**Assignment**
One range is to be output from the listing below, exactly as written: the line with "#47=IFCINDEXEDPOLYGONALFACE((5,13,14,6));" to the line with "#65=IFCPRODUCTDEFINITIONSHAPE($,$,(#64));", both kept.

**Supplied entries**
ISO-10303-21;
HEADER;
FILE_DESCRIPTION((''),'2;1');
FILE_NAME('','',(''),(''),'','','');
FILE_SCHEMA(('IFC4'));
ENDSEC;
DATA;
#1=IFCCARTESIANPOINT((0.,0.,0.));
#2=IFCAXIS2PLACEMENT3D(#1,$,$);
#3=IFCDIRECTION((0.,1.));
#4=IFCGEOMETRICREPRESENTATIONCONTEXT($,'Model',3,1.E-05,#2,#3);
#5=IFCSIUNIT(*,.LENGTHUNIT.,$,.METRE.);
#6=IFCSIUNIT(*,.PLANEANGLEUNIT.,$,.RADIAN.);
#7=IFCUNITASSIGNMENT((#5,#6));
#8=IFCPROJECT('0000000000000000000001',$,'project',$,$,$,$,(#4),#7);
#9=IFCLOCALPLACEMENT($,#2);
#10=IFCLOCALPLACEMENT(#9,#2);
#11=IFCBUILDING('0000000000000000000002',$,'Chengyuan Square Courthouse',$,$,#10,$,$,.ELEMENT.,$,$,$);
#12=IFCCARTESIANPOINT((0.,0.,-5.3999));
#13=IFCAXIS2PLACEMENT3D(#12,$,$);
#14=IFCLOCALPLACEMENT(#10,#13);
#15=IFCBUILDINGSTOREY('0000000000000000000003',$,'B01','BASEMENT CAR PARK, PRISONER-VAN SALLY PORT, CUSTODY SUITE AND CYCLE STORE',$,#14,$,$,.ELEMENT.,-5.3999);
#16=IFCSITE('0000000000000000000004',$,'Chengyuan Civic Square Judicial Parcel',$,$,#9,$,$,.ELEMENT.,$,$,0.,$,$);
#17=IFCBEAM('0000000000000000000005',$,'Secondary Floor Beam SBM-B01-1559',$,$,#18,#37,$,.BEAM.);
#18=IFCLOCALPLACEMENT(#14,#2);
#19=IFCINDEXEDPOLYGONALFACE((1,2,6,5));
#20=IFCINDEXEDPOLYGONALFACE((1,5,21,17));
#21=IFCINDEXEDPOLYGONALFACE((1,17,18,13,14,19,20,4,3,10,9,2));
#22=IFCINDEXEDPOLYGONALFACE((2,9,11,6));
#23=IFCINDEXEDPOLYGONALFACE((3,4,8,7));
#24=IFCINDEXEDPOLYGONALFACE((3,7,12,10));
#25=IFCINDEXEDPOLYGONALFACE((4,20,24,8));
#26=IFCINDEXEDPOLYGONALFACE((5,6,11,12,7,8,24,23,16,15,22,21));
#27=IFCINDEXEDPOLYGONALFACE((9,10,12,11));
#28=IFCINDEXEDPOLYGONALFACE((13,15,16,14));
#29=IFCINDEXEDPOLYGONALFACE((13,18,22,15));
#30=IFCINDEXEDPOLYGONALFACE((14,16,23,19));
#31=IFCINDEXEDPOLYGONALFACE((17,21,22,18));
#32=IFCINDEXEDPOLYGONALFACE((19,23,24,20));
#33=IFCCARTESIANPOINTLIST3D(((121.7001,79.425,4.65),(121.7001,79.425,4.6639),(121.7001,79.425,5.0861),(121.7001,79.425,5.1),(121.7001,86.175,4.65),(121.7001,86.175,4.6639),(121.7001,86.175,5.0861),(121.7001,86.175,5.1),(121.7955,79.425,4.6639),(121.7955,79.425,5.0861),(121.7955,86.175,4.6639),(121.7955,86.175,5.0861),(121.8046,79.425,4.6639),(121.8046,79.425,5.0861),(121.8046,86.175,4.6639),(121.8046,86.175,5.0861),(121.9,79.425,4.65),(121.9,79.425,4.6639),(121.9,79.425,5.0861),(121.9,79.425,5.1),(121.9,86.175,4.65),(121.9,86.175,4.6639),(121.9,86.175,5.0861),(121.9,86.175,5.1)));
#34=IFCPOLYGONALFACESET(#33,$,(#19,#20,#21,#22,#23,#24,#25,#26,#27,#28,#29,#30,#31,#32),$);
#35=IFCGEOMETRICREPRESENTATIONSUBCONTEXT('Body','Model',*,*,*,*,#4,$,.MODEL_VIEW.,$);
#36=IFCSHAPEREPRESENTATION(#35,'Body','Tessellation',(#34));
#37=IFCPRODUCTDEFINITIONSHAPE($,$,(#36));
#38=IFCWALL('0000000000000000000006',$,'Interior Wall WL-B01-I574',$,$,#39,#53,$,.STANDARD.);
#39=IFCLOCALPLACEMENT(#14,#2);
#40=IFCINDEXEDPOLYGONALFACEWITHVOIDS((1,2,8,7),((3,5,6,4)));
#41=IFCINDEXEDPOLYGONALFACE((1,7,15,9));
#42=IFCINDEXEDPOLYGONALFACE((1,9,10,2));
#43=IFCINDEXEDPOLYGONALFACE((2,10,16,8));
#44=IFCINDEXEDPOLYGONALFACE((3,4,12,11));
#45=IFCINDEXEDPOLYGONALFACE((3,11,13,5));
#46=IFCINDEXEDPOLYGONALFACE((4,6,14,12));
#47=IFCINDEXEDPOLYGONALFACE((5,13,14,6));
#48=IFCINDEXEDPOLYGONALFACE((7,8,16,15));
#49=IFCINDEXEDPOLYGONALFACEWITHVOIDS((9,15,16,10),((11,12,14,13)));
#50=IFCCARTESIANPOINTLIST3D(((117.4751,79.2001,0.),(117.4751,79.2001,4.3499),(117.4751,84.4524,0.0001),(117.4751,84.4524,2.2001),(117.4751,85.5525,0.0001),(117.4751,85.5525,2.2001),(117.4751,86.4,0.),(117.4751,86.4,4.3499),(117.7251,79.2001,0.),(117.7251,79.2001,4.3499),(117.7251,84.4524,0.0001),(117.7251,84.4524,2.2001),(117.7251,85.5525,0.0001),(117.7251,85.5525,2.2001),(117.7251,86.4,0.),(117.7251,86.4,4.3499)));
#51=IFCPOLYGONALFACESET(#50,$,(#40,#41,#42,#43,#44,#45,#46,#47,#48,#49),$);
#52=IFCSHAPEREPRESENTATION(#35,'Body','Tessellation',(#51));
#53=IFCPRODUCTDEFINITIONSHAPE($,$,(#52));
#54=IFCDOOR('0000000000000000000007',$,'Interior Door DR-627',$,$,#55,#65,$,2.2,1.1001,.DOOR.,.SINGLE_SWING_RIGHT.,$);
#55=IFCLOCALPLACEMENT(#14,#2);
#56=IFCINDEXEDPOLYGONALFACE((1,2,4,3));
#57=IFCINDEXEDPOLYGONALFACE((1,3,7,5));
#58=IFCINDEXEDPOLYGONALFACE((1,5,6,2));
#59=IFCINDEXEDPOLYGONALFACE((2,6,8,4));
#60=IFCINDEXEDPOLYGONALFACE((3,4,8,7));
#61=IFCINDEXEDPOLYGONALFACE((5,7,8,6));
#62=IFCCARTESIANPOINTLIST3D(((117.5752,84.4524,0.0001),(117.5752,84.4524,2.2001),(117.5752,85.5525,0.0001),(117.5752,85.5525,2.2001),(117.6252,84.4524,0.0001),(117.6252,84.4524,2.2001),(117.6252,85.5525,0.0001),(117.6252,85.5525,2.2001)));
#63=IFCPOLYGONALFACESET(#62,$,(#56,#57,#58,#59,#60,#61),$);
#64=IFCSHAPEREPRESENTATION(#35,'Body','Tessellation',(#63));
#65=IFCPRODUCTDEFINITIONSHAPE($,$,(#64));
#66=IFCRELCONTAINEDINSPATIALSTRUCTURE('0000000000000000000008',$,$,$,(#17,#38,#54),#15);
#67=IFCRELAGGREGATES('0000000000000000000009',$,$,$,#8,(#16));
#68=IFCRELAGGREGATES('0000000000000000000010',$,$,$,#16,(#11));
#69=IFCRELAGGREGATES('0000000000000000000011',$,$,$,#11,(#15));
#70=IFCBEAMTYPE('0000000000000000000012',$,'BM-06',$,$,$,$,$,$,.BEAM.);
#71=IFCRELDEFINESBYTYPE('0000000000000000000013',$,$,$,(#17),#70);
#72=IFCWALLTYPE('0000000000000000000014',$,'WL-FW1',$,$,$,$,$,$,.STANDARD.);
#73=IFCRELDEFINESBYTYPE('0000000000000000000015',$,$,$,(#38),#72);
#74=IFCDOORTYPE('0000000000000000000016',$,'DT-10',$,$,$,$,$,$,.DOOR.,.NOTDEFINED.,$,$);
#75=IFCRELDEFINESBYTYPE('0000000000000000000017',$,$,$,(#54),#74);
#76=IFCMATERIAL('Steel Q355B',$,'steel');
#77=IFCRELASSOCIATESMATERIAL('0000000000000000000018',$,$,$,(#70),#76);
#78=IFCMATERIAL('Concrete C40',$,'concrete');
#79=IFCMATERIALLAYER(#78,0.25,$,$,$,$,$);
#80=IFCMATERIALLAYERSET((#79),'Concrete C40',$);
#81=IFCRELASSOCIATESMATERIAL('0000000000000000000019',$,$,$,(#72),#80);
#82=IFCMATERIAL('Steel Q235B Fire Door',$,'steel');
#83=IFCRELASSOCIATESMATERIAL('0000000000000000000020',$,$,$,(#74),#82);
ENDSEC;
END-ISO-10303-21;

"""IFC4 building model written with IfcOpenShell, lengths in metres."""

from ifc_helpers import new_model, si_unit, direction, frame, frame_2d, origin, origin_2d, place, context, subcontext, project, spatial, rectangle, i_section, extrude, material, layer, layer_set, material_profile, profile_set, type_object, element, fill, save


model = new_model("IFC4")

# Units and contexts
model_context = context("Model", 3, precision=1e-05, world=origin(), true_north=direction((0.0, 1.0)))
body_context = subcontext(model_context, "Body", "Model", "MODEL_VIEW")
ifc_project = project(units=[si_unit("LENGTHUNIT", "METRE"), si_unit("PLANEANGLEUNIT", "RADIAN")], contexts=[model_context])

# Site, building, storey
site_placement = place(None, origin())
site = spatial("IfcSite", under=ifc_project, at=site_placement, Name="Chengyuan Civic Square Judicial Parcel", CompositionType="ELEMENT", RefElevation=0.0)
building_placement = place(site_placement, origin())
building = spatial("IfcBuilding", under=site, at=building_placement, Name="Chengyuan Square Courthouse", CompositionType="ELEMENT")
storey_placement = place(building_placement, frame((0.0, 0.0, -5.3999)))
storey = spatial("IfcBuildingStorey", under=building, at=storey_placement, Name="B01", Description="BASEMENT CAR PARK, PRISONER-VAN SALLY PORT, CUSTODY SUITE AND CYCLE STORE", CompositionType="ELEMENT", Elevation=-5.3999)

# Beam
ifc_material_1 = material(Name="Concrete C40", Category="concrete")
ifc_material_2 = material(Name="Steel Q355B", Category="steel")
ifc_material_profile_1 = material_profile(ifc_material_2, i_section(OverallWidth=0.2, OverallDepth=0.45, WebThickness=0.009, FlangeThickness=0.0139, at=origin_2d()), Name="HN 450x200x9x14")
ifc_profile_set_1 = profile_set([ifc_material_profile_1], Name="Steel Q355B")
beam_type_1 = type_object("IfcBeamType", Name="BM-06", PredefinedType="BEAM", material=ifc_profile_set_1)
beam_1_placement = place(storey_placement, frame((121.8, 79.425, 4.875), z_axis=(0.0, 1.0, 0.0), x_axis=(-1.0, 0.0, 0.0)))
element("IfcBeam", 1, at=beam_1_placement, inside=storey, type_object=beam_type_1, Name="Secondary Floor Beam SBM-B01-1559", PredefinedType="BEAM", context=body_context, shape_type="SweptSolid", body=[
    extrude(i_section(OverallWidth=0.2, OverallDepth=0.45, WebThickness=0.009, FlangeThickness=0.0139, at=origin_2d()), origin(), (0.0, 0.0, 1.0), 6.75),
])

# Wall, opening, door
ifc_layer = layer(ifc_material_1, 0.25)
ifc_layer_set = layer_set([ifc_layer], Name="Concrete C40")
wall_type = type_object("IfcWallType", Name="WL-FW1", PredefinedType="STANDARD", material=ifc_layer_set)
wall_placement = place(storey_placement, frame((117.6001, 79.2, 0.0), z_axis=(0.0, 0.0, 1.0), x_axis=(0.0, 1.0, 0.0)))
wall = element("IfcWall", 2, at=wall_placement, inside=storey, type_object=wall_type, Name="Interior Wall WL-B01-I574", PredefinedType="STANDARD", context=body_context, shape_type="SweptSolid", body=[
    extrude(rectangle(XDim=7.2, YDim=0.25, at=frame_2d((3.6001, 0.0))), origin(), (0.0, 0.0, 1.0), 4.3499),
])
opening_placement = place(wall_placement, frame((5.2524, 0.0, 0.0)))
opening = element("IfcOpeningElement", 3, at=opening_placement, cuts=wall, PredefinedType="OPENING", context=body_context, shape_type="SweptSolid", body=[
    extrude(rectangle(XDim=1.1001, YDim=2.2, at=frame_2d((0.55, 1.1001))), frame((0.0, 0.137, 0.0), z_axis=(0.0, -1.0, 0.0), x_axis=(1.0, 0.0, 0.0)), (0.0, 0.0, 1.0), 0.2739),
])
ifc_material_3 = material(Name="Steel Q235B Fire Door", Category="steel")
door_type = type_object("IfcDoorType", Name="DT-10", OperationType="NOTDEFINED", PredefinedType="DOOR", material=ifc_material_3)
door_placement = place(opening_placement, origin())
door = element("IfcDoor", 4, at=door_placement, inside=storey, type_object=door_type, Name="Interior Door DR-627", OperationType="SINGLE_SWING_RIGHT", OverallHeight=2.2, OverallWidth=1.1001, PredefinedType="DOOR", context=body_context, shape_type="SweptSolid", body=[
    extrude(rectangle(XDim=1.1001, YDim=2.2, at=frame_2d((0.55, 1.1001))), frame((0.0, 0.0249, 0.0), z_axis=(0.0, -1.0, 0.0), x_axis=(1.0, 0.0, 0.0)), (0.0, 0.0, 1.0), 0.05),
])
fill(opening, door)

save(model, "model.ifc")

**Exercise response**
#47=IFCINDEXEDPOLYGONALFACE((5,13,14,6));
#48=IFCINDEXEDPOLYGONALFACE((7,8,16,15));
#49=IFCINDEXEDPOLYGONALFACEWITHVOIDS((9,15,16,10),((11,12,14,13)));
#50=IFCCARTESIANPOINTLIST3D(((117.4751,79.2001,0.),(117.4751,79.2001,4.3499),(117.4751,84.4524,0.0001),(117.4751,84.4524,2.2001),(117.4751,85.5525,0.0001),(117.4751,85.5525,2.2001),(117.4751,86.4,0.),(117.4751,86.4,4.3499),(117.7251,79.2001,0.),(117.7251,79.2001,4.3499),(117.7251,84.4524,0.0001),(117.7251,84.4524,2.2001),(117.7251,85.5525,0.0001),(117.7251,85.5525,2.2001),(117.7251,86.4,0.),(117.7251,86.4,4.3499)));
#51=IFCPOLYGONALFACESET(#50,$,(#40,#41,#42,#43,#44,#45,#46,#47,#48,#49),$);
#52=IFCSHAPEREPRESENTATION(#35,'Body','Tessellation',(#51));
#53=IFCPRODUCTDEFINITIONSHAPE($,$,(#52));
#54=IFCDOOR('0000000000000000000007',$,'Interior Door DR-627',$,$,#55,#65,$,2.2,1.1001,.DOOR.,.SINGLE_SWING_RIGHT.,$);
#55=IFCLOCALPLACEMENT(#14,#2);
#56=IFCINDEXEDPOLYGONALFACE((1,2,4,3));
#57=IFCINDEXEDPOLYGONALFACE((1,3,7,5));
#58=IFCINDEXEDPOLYGONALFACE((1,5,6,2));
#59=IFCINDEXEDPOLYGONALFACE((2,6,8,4));
#60=IFCINDEXEDPOLYGONALFACE((3,4,8,7));
#61=IFCINDEXEDPOLYGONALFACE((5,7,8,6));
#62=IFCCARTESIANPOINTLIST3D(((117.5752,84.4524,0.0001),(117.5752,84.4524,2.2001),(117.5752,85.5525,0.0001),(117.5752,85.5525,2.2001),(117.6252,84.4524,0.0001),(117.6252,84.4524,2.2001),(117.6252,85.5525,0.0001),(117.6252,85.5525,2.2001)));
#63=IFCPOLYGONALFACESET(#62,$,(#56,#57,#58,#59,#60,#61),$);
#64=IFCSHAPEREPRESENTATION(#35,'Body','Tessellation',(#63));
#65=IFCPRODUCTDEFINITIONSHAPE($,$,(#64));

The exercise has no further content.